▶ _Aim of the task_:
Two lines mark the range in the entries below: the one holding "#155=IFCPRODUCTDEFINITIONSHAPE($,$,(#154));" and the one holding "#175=IFCRELAGGREGATES('0000000000000000000018',$,$,$,#16,(#11));". Set down those two and all lines between them, exactly.

▶ _Data to use_:
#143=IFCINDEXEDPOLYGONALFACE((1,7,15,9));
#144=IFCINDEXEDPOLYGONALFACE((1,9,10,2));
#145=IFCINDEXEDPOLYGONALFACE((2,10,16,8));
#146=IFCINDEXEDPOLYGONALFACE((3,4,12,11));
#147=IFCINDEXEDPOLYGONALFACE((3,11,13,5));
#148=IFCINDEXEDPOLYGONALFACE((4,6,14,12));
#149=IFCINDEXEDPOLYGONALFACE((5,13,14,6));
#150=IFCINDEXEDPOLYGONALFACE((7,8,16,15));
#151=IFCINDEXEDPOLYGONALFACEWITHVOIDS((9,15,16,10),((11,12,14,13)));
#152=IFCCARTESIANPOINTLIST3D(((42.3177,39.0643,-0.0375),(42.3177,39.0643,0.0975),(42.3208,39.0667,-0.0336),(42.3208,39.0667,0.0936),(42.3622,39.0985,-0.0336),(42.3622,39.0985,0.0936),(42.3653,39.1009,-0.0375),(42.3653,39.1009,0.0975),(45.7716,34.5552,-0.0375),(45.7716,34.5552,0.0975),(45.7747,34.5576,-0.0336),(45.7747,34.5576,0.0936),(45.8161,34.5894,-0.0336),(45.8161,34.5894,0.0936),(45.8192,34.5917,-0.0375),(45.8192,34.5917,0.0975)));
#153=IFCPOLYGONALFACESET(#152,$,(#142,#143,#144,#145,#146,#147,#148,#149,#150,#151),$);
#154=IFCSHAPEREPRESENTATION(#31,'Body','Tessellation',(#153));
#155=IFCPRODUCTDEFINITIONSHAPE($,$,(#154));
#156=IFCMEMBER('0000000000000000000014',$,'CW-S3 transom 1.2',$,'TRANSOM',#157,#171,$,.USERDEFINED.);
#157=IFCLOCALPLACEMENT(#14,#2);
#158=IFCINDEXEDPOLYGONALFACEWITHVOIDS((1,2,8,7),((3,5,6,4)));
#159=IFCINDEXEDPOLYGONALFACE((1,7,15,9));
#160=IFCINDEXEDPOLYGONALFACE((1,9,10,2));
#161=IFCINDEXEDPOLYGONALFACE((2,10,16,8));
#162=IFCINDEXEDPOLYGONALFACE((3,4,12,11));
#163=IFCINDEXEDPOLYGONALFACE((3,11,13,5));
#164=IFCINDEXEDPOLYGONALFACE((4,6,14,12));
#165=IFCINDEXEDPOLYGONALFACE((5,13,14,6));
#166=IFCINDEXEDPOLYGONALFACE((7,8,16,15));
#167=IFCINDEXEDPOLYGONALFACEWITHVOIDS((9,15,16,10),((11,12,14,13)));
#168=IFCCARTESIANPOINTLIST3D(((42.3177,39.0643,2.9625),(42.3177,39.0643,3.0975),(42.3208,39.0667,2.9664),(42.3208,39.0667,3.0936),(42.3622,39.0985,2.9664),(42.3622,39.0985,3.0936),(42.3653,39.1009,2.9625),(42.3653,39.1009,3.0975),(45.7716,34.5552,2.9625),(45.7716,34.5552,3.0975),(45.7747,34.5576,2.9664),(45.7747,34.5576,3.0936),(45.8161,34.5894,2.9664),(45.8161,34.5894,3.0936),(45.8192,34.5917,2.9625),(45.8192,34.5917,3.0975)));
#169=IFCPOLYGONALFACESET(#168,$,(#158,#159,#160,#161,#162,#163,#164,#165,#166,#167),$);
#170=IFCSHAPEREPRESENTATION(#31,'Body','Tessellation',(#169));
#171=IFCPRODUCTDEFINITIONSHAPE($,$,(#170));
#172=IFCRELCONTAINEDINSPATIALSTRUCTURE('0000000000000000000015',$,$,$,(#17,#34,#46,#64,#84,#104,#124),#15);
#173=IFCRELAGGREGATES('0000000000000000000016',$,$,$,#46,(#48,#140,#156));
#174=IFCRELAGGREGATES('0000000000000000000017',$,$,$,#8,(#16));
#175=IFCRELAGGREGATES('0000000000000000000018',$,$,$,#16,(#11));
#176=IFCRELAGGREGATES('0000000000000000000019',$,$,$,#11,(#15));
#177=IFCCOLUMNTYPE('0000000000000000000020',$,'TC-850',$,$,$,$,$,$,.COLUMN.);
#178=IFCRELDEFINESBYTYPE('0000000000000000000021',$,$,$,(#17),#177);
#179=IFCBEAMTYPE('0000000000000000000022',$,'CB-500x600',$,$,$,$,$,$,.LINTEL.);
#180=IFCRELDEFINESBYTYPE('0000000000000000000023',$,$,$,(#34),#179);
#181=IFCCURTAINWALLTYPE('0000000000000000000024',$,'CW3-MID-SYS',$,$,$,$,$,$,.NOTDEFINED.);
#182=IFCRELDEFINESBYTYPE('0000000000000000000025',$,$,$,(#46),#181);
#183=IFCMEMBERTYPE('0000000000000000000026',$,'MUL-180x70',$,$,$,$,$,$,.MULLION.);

▶ _Result of this exercise_:
#155=IFCPRODUCTDEFINITIONSHAPE($,$,(#154));
#156=IFCMEMBER('0000000000000000000014',$,'CW-S3 transom 1.2',$,'TRANSOM',#157,#171,$,.USERDEFINED.);
#157=IFCLOCALPLACEMENT(#14,#2);
#158=IFCINDEXEDPOLYGONALFACEWITHVOIDS((1,2,8,7),((3,5,6,4)));
#159=IFCINDEXEDPOLYGONALFACE((1,7,15,9));
#160=IFCINDEXEDPOLYGONALFACE((1,9,10,2));
#161=IFCINDEXEDPOLYGONALFACE((2,10,16,8));
#162=IFCINDEXEDPOLYGONALFACE((3,4,12,11));
#163=IFCINDEXEDPOLYGONALFACE((3,11,13,5));
#164=IFCINDEXEDPOLYGONALFACE((4,6,14,12));
#165=IFCINDEXEDPOLYGONALFACE((5,13,14,6));
#166=IFCINDEXEDPOLYGONALFACE((7,8,16,15));
#167=IFCINDEXEDPOLYGONALFACEWITHVOIDS((9,15,16,10),((11,12,14,13)));
#168=IFCCARTESIANPOINTLIST3D(((42.3177,39.0643,2.9625),(42.3177,39.0643,3.0975),(42.3208,39.0667,2.9664),(42.3208,39.0667,3.0936),(42.3622,39.0985,2.9664),(42.3622,39.0985,3.0936),(42.3653,39.1009,2.9625),(42.3653,39.1009,3.0975),(45.7716,34.5552,2.9625),(45.7716,34.5552,3.0975),(45.7747,34.5576,2.9664),(45.7747,34.5576,3.0936),(45.8161,34.5894,2.9664),(45.8161,34.5894,3.0936),(45.8192,34.5917,2.9625),(45.8192,34.5917,3.0975)));
#169=IFCPOLYGONALFACESET(#168,$,(#158,#159,#160,#161,#162,#163,#164,#165,#166,#167),$);
#170=IFCSHAPEREPRESENTATION(#31,'Body','Tessellation',(#169));
#171=IFCPRODUCTDEFINITIONSHAPE($,$,(#170));
#172=IFCRELCONTAINEDINSPATIALSTRUCTURE('0000000000000000000015',$,$,$,(#17,#34,#46,#64,#84,#104,#124),#15);
#173=IFCRELAGGREGATES('0000000000000000000016',$,$,$,#46,(#48,#140,#156));
#174=IFCRELAGGREGATES('0000000000000000000017',$,$,$,#8,(#16));
#175=IFCRELAGGREGATES('0000000000000000000018',$,$,$,#16,(#11));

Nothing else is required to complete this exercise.